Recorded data

------------------------------------------------------------

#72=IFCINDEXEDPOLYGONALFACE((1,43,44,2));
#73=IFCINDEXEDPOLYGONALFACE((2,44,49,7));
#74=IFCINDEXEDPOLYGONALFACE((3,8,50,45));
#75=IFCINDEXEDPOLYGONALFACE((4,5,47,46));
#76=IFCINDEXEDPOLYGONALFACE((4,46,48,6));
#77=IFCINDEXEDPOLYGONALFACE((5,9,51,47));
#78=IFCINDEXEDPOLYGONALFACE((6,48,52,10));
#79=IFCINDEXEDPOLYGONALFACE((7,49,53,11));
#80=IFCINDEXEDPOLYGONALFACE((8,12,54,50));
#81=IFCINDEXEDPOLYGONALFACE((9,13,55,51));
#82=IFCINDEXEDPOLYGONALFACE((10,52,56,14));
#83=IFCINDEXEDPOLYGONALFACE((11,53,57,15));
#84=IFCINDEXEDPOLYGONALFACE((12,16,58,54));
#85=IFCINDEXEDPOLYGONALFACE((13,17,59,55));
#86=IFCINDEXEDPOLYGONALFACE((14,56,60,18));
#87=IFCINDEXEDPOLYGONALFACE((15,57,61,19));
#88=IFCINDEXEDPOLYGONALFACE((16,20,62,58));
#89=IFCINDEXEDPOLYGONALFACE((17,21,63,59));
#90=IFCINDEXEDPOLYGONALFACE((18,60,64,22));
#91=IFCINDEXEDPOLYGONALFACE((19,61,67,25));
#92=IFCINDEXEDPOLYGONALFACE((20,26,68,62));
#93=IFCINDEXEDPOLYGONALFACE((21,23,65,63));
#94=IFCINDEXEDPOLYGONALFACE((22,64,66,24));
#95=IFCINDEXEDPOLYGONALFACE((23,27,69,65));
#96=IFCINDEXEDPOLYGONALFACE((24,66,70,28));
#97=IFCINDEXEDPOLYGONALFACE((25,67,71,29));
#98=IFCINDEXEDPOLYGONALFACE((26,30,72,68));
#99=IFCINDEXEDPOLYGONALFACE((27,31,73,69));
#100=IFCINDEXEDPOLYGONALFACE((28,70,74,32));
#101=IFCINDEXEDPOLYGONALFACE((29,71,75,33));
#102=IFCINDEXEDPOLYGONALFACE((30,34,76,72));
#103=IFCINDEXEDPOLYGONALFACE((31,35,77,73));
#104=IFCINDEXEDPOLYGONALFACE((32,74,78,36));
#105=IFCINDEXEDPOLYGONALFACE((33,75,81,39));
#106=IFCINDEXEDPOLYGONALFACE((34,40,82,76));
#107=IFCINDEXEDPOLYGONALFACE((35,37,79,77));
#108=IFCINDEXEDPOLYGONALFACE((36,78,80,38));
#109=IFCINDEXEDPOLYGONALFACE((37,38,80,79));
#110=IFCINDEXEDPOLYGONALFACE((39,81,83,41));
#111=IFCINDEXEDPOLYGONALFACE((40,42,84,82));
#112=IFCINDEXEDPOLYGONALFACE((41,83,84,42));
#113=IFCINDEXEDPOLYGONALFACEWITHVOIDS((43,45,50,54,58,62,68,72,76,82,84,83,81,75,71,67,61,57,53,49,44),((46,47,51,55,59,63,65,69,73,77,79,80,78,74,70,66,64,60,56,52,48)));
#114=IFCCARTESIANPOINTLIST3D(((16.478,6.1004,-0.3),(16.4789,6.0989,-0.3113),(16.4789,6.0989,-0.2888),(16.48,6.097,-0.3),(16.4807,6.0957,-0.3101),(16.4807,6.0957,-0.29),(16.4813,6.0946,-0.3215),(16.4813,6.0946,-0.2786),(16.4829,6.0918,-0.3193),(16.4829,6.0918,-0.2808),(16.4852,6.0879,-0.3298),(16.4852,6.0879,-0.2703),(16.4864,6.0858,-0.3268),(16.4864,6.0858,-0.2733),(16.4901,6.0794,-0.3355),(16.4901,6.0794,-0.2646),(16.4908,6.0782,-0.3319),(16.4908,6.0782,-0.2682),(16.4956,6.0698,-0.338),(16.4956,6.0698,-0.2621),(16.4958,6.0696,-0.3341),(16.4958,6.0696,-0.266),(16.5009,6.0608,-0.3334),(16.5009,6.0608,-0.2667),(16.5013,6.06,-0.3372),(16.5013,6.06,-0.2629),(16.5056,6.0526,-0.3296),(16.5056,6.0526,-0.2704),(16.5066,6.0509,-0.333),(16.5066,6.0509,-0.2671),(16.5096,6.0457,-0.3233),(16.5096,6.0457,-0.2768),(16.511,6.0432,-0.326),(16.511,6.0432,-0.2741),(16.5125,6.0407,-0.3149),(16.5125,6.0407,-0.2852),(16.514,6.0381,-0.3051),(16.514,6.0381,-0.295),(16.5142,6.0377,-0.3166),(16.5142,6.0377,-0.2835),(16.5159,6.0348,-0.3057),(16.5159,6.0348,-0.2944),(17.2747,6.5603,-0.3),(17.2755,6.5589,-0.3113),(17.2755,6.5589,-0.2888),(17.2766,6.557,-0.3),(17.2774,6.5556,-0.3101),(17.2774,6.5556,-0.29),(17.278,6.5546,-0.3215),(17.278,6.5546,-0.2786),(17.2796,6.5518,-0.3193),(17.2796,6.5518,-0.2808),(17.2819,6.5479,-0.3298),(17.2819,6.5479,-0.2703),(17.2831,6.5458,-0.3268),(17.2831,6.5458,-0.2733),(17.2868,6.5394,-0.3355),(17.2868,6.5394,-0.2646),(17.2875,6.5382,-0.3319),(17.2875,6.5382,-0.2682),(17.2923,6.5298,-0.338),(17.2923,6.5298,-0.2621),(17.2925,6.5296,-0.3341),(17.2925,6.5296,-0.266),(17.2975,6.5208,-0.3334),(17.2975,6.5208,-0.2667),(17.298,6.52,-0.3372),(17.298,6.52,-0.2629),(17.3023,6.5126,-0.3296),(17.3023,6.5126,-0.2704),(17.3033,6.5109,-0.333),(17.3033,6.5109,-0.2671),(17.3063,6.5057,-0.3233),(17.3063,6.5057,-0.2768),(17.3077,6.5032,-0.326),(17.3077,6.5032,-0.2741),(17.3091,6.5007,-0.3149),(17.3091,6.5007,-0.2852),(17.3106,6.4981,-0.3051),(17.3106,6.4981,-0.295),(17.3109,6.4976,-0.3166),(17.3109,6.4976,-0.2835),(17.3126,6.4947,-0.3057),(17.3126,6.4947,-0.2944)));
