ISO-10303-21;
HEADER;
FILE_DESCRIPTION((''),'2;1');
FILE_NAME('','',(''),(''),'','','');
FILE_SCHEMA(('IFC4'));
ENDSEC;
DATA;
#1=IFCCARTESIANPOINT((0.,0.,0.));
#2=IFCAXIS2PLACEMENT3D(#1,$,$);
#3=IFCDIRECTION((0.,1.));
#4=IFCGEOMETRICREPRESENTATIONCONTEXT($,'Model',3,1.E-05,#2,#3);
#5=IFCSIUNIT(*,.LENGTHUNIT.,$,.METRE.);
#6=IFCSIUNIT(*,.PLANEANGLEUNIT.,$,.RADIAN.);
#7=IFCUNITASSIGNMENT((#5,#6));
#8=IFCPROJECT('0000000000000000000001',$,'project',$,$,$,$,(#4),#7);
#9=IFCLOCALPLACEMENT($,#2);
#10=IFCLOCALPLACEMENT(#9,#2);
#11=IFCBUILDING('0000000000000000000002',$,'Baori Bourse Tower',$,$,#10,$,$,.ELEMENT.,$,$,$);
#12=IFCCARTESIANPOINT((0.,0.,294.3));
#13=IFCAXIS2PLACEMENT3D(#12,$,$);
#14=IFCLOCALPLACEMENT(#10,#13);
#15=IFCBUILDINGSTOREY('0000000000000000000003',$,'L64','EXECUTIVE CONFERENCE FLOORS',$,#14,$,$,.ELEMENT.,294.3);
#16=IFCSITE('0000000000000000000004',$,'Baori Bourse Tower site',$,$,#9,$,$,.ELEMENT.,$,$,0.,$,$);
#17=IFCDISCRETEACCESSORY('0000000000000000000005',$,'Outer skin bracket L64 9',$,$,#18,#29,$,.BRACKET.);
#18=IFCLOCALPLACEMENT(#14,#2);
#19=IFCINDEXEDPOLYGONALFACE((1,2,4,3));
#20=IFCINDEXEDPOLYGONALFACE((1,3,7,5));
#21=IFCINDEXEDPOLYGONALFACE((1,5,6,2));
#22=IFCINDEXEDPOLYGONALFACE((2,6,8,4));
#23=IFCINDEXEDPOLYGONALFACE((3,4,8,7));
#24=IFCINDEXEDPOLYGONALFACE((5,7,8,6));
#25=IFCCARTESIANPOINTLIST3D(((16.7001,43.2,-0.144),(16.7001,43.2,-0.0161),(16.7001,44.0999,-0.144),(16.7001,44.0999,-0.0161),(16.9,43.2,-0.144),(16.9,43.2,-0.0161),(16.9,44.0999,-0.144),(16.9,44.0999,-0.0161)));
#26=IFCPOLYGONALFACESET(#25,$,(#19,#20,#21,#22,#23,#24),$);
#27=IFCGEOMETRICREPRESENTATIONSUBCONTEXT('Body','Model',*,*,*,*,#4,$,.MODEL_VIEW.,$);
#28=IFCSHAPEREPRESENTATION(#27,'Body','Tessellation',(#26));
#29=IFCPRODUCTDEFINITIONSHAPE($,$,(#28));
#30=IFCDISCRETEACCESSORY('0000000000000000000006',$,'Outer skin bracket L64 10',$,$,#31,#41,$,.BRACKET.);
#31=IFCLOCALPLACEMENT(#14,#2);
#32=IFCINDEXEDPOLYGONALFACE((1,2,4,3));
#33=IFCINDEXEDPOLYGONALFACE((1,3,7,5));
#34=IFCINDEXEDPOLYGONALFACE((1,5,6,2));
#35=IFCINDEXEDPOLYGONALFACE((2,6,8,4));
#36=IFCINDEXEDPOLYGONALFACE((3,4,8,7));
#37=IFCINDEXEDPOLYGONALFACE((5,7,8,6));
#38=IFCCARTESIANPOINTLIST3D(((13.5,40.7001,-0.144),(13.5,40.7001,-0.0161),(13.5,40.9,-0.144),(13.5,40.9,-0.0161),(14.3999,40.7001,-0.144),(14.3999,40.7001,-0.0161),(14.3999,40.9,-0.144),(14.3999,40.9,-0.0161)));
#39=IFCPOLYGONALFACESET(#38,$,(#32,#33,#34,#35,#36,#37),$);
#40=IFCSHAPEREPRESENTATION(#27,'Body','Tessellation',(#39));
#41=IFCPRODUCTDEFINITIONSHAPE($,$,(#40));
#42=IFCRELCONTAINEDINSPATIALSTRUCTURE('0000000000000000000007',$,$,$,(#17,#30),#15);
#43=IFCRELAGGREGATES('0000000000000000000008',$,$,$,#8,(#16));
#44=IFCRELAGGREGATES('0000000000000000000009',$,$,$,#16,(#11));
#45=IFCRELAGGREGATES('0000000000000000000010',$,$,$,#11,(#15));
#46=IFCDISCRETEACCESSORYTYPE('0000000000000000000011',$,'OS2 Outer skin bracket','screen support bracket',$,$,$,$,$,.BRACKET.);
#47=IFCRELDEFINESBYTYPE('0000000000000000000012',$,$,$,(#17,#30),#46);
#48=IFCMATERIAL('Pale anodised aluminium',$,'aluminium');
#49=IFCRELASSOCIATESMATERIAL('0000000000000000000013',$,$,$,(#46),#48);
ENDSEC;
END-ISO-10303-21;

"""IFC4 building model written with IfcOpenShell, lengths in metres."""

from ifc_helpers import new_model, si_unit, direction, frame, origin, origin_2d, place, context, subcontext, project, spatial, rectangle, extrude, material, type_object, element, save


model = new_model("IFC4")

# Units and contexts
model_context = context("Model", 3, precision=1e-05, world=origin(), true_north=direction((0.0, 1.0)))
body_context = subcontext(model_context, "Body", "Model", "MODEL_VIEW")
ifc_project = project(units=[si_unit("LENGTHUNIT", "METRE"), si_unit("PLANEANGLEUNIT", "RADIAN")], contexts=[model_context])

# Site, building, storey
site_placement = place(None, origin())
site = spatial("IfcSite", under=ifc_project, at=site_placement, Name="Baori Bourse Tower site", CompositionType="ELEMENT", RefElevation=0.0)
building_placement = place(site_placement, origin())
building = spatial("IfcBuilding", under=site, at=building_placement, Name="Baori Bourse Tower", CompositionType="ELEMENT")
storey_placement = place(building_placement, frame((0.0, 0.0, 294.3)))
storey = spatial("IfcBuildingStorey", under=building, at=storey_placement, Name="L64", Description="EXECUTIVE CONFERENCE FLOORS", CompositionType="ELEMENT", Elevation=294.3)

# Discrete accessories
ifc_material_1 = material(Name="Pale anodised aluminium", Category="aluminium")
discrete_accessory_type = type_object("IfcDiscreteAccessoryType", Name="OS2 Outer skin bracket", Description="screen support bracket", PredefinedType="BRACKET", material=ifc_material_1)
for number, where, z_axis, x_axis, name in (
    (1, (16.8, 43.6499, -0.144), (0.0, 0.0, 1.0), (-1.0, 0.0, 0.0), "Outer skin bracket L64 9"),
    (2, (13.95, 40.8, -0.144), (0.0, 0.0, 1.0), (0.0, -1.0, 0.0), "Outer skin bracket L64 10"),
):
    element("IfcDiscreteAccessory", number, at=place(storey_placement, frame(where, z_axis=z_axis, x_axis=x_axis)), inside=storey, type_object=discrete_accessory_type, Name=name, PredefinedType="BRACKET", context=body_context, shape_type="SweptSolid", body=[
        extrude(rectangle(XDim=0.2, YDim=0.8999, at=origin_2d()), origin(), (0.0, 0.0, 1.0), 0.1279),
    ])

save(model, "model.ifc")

------------------------------------------------------------

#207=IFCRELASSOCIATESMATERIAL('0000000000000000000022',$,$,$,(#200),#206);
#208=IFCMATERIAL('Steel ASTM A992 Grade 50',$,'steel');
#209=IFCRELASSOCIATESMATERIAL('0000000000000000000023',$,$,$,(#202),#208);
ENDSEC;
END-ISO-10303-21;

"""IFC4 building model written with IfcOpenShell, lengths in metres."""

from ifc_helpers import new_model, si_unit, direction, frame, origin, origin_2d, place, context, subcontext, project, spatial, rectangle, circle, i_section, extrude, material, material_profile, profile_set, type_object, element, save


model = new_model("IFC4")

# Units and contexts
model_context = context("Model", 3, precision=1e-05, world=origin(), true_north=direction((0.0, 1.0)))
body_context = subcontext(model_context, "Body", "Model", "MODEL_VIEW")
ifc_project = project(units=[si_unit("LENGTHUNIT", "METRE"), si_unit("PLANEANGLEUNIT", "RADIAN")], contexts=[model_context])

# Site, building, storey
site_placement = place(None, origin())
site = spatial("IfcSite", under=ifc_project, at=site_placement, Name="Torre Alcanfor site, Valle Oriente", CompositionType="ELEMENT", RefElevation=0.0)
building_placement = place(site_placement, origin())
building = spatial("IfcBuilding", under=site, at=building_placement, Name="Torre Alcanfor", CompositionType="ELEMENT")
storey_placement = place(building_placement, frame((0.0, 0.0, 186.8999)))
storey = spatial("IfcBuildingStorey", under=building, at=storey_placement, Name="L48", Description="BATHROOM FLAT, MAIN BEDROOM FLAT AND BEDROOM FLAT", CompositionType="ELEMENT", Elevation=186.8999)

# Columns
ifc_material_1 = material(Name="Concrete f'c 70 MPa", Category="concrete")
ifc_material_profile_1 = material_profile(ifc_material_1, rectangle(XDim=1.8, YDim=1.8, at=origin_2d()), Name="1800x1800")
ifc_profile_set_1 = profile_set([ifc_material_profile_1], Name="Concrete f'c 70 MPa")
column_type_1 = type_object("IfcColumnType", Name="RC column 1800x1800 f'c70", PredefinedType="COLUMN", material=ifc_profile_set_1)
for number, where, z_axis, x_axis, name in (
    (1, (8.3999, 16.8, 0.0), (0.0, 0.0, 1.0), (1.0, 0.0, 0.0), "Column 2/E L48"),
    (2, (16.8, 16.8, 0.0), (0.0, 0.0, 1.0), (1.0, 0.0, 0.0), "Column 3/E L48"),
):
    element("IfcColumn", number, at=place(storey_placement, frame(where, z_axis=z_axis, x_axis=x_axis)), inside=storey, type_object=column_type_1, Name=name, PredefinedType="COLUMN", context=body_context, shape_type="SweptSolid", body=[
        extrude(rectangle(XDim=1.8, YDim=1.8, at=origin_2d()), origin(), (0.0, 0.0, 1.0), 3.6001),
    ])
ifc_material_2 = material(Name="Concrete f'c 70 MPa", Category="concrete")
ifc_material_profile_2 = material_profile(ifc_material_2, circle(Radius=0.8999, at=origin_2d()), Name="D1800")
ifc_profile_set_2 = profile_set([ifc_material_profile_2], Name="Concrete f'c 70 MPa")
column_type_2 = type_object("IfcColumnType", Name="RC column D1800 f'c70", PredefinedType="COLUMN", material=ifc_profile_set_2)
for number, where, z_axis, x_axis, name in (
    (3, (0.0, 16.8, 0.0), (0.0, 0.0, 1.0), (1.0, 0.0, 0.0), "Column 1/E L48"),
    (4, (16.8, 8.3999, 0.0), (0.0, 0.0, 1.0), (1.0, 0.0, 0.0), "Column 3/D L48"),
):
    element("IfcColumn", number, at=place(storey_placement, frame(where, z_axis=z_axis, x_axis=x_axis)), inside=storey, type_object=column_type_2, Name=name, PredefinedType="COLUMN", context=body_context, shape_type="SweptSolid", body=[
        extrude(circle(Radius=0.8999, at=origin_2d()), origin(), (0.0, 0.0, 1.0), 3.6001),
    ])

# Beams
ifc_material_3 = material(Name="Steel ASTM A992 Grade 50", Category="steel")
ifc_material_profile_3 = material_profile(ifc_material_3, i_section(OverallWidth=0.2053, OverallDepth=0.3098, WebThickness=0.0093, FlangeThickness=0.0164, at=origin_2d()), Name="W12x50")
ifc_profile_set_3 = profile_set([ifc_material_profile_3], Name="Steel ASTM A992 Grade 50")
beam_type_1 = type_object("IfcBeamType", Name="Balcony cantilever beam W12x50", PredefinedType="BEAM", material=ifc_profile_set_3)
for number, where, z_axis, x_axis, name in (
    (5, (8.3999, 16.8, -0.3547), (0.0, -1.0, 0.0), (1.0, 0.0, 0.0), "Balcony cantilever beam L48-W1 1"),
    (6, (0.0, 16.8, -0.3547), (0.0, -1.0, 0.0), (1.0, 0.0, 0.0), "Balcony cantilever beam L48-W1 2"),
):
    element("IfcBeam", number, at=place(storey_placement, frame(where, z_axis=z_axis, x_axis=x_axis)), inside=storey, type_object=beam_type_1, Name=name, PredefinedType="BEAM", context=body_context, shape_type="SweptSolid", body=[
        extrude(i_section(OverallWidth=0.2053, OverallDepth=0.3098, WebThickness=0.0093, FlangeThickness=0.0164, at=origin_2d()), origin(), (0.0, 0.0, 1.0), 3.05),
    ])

------------------------------------------------------------

▶ _About this task_
In the data above, find the line with "#106=IFCINDEXEDPOLYGONALFACE((34,40,82,76));" and the line with "#112=IFCINDEXEDPOLYGONALFACE((41,83,84,42));". Retype both, plus every line between them, exactly.

▶ _Solution to this problem_
#106=IFCINDEXEDPOLYGONALFACE((34,40,82,76));
#107=IFCINDEXEDPOLYGONALFACE((35,37,79,77));
#108=IFCINDEXEDPOLYGONALFACE((36,78,80,38));
#109=IFCINDEXEDPOLYGONALFACE((37,38,80,79));
#110=IFCINDEXEDPOLYGONALFACE((39,81,83,41));
#111=IFCINDEXEDPOLYGONALFACE((40,42,84,82));
#112=IFCINDEXEDPOLYGONALFACE((41,83,84,42));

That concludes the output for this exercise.